■ **WORK REQUIRED**: If a line in the data below holds the word "Modified", copy it.
━━━━━ GIVEN DATA ━━━━━
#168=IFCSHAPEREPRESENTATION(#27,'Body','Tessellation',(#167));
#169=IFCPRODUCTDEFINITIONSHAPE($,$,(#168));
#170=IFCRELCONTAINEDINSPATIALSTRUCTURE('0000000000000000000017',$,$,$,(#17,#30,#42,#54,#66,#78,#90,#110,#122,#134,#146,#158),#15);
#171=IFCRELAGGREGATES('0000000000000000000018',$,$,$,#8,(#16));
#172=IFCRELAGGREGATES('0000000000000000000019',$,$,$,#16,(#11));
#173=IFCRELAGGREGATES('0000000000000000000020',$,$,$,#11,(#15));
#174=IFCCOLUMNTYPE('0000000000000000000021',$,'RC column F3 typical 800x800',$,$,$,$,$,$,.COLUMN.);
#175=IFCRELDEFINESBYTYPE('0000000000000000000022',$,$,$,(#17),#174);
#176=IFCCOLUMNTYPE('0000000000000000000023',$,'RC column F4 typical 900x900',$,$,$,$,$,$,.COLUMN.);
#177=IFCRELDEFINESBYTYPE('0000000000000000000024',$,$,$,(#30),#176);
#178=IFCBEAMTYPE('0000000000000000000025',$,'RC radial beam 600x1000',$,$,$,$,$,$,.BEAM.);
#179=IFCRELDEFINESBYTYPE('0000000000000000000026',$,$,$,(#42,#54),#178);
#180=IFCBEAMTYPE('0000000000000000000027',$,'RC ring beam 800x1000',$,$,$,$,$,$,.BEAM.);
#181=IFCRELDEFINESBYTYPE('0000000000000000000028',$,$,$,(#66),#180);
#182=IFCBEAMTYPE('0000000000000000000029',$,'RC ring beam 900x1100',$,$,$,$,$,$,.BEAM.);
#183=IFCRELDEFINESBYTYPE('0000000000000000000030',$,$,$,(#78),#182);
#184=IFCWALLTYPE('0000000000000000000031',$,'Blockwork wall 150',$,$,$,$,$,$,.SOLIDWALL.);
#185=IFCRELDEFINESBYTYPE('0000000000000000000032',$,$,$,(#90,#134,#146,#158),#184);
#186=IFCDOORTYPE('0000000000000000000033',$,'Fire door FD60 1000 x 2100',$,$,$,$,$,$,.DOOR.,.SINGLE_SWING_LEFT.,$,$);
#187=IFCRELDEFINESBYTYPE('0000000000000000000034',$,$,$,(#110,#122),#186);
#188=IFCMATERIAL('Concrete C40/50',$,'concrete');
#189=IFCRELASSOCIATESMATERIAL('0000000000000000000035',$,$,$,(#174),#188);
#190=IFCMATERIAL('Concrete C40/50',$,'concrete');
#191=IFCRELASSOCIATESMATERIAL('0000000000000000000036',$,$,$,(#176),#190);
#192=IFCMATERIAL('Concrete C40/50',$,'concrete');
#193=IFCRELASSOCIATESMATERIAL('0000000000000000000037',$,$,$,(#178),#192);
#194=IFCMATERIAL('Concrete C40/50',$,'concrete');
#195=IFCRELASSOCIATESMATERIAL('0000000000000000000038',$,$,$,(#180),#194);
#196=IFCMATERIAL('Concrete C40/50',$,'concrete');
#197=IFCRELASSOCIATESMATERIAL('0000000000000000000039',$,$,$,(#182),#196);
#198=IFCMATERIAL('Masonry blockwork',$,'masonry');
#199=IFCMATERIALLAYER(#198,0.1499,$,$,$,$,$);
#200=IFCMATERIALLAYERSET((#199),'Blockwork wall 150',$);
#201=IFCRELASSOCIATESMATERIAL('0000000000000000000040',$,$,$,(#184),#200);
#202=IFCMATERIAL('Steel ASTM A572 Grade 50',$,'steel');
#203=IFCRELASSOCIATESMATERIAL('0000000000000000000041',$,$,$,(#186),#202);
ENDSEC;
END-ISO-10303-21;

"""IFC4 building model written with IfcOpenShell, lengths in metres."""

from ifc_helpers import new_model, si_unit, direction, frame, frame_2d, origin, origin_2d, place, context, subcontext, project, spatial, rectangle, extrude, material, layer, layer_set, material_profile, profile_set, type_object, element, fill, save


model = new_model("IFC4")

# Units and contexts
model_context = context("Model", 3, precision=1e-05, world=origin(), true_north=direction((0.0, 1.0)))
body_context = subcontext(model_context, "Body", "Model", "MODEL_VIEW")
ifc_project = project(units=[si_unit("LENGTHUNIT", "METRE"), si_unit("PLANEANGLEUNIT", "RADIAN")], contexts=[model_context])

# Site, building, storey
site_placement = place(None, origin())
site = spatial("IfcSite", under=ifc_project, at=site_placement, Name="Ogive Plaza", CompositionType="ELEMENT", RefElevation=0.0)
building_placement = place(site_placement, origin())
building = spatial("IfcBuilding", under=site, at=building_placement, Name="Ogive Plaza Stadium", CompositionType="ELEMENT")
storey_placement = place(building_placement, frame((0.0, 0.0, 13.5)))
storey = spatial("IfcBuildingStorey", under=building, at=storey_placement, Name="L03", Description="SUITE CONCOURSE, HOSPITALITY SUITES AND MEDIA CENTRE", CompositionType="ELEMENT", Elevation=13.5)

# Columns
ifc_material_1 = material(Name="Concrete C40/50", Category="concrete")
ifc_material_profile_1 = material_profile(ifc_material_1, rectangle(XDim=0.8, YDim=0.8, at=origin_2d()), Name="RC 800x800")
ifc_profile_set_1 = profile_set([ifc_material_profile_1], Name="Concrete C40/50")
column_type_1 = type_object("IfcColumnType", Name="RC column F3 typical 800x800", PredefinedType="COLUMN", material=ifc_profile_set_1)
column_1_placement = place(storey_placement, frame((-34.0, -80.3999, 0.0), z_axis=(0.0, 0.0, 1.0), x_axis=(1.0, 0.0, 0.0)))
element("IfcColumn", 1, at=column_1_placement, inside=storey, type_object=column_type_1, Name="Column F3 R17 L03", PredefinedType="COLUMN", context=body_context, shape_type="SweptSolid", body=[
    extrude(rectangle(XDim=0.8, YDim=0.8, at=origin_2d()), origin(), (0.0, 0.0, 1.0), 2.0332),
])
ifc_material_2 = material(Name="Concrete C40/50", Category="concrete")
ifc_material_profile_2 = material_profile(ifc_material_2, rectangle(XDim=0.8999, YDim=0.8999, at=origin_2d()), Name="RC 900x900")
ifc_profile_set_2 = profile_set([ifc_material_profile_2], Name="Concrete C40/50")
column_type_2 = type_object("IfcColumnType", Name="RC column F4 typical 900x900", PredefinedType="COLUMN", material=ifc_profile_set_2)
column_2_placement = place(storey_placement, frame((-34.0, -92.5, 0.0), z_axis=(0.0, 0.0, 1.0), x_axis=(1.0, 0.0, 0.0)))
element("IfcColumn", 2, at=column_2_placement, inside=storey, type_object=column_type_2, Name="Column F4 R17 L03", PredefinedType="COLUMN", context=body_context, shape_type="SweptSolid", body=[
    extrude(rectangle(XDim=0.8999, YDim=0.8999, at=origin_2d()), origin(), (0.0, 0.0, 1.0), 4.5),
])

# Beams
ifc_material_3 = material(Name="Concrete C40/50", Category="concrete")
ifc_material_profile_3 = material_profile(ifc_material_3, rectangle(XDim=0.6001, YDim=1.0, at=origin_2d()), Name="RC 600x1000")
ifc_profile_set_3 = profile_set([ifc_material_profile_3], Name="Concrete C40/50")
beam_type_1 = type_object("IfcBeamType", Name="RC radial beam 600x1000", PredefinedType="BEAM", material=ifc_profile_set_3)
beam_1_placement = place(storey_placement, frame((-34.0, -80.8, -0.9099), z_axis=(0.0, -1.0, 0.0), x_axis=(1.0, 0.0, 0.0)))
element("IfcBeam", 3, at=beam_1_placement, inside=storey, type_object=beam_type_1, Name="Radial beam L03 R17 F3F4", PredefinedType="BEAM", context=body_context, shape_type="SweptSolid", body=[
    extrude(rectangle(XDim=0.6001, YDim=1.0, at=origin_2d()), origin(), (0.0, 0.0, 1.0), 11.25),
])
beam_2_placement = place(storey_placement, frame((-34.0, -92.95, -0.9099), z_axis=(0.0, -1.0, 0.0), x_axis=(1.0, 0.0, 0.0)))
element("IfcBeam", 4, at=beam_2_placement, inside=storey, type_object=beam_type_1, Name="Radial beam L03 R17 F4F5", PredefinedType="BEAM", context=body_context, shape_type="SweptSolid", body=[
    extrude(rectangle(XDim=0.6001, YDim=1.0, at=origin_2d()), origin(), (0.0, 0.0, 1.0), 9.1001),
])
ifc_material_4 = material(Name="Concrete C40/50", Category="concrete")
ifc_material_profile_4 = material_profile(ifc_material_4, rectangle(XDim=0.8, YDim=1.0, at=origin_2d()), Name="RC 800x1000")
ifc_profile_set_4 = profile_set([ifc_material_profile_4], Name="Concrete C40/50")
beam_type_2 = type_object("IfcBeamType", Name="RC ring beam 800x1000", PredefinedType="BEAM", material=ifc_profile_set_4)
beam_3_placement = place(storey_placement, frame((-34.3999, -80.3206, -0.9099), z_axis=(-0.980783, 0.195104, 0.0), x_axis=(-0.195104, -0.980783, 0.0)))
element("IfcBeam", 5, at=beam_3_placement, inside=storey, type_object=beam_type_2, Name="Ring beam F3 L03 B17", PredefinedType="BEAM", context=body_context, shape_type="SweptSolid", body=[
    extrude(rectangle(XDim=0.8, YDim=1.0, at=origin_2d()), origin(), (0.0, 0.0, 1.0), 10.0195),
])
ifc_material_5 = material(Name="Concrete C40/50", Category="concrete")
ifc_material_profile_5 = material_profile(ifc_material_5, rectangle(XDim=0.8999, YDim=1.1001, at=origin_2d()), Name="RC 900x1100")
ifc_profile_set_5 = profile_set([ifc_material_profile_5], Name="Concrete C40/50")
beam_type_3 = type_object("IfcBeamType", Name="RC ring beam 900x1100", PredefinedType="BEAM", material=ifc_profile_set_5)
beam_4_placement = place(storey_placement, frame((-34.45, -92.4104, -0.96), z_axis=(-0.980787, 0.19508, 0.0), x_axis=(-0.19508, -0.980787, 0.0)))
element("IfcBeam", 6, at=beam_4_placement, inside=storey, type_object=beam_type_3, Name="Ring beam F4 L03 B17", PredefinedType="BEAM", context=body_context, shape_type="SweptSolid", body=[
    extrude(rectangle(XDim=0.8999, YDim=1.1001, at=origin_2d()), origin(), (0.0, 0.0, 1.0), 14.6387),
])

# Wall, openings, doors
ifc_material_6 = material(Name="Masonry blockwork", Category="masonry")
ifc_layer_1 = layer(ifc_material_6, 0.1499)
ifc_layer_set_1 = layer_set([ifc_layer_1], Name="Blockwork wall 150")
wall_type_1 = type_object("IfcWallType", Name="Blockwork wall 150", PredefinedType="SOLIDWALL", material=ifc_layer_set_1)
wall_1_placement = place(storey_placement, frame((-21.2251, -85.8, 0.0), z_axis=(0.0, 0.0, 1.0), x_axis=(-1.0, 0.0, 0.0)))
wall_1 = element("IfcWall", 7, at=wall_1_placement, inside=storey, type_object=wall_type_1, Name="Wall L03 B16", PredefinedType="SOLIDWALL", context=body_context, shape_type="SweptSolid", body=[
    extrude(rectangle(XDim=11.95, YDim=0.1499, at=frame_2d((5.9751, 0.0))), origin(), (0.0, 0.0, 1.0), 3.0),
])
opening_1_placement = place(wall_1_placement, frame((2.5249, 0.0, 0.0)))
━━━━━
━━━━━ GIVEN DATA ━━━━━
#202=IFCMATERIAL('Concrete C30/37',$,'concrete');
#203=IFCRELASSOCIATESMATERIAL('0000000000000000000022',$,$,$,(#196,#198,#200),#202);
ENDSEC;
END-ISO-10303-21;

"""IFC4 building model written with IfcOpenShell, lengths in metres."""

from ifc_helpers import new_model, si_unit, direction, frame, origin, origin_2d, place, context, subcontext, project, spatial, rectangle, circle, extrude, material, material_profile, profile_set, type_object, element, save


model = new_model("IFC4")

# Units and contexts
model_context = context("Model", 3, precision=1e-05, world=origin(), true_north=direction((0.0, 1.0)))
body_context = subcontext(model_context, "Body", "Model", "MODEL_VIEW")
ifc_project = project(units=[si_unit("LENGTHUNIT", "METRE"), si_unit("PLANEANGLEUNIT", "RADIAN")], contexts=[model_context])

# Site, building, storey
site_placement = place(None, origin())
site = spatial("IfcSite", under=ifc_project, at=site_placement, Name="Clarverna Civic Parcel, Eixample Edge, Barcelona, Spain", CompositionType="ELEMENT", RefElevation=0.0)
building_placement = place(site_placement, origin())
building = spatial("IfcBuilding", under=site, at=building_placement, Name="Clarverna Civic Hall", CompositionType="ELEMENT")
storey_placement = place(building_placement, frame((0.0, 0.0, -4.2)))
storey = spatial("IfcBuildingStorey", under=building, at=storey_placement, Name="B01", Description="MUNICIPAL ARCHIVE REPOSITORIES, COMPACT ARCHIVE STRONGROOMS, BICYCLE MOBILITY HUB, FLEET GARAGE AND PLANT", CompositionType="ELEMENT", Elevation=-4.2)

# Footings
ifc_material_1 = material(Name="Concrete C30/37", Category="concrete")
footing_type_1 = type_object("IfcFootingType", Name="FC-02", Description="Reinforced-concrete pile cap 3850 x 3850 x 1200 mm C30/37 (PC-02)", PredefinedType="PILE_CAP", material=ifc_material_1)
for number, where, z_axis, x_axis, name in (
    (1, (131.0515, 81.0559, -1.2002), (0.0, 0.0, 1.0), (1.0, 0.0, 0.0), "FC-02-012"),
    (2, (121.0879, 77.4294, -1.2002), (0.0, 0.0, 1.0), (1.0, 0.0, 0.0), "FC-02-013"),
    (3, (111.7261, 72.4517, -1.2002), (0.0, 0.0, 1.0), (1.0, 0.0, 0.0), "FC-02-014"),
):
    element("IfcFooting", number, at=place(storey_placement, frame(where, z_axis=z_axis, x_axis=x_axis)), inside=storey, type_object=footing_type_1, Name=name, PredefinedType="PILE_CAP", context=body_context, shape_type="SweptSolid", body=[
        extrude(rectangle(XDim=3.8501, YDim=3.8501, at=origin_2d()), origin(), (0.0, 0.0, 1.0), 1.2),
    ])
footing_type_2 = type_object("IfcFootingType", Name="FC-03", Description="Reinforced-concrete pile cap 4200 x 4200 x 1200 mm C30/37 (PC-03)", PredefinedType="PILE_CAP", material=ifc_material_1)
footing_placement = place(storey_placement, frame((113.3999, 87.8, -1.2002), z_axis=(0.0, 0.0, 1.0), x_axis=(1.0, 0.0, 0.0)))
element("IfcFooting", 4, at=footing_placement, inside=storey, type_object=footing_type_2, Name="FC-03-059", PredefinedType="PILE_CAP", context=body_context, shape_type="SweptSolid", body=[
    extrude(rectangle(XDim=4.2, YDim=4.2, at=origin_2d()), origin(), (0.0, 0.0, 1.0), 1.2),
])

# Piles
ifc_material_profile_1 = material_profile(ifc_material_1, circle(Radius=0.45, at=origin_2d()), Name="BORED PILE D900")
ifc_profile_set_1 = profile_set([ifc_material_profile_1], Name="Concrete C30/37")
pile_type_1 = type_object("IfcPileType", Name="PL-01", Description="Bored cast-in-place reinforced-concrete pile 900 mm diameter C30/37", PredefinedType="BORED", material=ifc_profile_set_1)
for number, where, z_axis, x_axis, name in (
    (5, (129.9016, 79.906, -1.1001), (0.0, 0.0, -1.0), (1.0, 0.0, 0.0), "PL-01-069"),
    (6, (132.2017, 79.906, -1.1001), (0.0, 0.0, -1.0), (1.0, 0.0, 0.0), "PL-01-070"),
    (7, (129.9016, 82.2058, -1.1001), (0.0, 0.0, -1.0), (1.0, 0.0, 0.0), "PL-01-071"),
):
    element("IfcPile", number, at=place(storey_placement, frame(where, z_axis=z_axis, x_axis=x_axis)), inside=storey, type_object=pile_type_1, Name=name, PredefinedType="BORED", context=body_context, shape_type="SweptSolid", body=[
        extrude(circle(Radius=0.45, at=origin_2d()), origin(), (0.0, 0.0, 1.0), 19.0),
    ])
━━━━━
━━━━━ GIVEN DATA ━━━━━
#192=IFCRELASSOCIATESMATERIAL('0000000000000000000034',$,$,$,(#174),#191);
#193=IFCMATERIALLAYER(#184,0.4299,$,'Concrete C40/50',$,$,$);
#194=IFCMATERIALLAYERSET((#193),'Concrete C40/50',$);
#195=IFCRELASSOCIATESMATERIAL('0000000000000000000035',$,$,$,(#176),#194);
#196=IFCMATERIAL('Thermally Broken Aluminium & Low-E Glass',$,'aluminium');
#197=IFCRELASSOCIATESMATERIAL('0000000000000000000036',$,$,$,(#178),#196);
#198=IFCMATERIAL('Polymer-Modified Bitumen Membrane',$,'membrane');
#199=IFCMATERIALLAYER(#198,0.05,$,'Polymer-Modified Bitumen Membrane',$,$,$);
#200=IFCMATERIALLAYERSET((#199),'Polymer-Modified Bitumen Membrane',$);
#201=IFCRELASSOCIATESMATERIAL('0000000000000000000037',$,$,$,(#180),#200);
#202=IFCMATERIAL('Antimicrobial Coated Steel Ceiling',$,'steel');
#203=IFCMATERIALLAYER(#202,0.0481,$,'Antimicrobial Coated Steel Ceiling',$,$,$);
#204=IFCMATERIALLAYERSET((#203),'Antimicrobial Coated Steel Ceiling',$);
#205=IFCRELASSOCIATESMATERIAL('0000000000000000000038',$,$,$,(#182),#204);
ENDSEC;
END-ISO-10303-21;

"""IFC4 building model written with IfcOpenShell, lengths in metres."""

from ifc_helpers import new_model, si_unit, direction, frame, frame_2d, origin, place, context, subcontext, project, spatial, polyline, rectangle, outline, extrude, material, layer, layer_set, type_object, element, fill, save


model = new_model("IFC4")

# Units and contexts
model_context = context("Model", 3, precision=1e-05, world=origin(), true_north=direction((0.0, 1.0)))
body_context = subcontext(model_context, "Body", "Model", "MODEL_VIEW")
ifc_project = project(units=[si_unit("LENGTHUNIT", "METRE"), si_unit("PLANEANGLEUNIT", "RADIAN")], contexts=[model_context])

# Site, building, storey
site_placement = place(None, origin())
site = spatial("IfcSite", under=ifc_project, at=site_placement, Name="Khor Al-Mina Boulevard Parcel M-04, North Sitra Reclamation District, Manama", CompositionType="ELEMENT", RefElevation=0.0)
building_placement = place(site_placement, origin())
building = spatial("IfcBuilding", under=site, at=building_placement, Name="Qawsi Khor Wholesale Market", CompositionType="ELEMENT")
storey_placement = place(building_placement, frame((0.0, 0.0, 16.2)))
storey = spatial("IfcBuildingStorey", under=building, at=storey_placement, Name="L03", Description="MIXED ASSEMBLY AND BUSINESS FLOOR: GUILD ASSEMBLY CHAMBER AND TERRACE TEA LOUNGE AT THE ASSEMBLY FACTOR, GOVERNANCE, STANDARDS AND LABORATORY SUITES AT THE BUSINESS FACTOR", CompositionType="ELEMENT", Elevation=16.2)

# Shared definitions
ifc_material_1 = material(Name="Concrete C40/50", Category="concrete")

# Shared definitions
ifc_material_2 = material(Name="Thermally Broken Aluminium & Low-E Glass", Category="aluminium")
━━━━━
■ **TASK OUTPUT**:
#198=IFCMATERIAL('Polymer-Modified Bitumen Membrane',$,'membrane');
#199=IFCMATERIALLAYER(#198,0.05,$,'Polymer-Modified Bitumen Membrane',$,$,$);
#200=IFCMATERIALLAYERSET((#199),'Polymer-Modified Bitumen Membrane',$);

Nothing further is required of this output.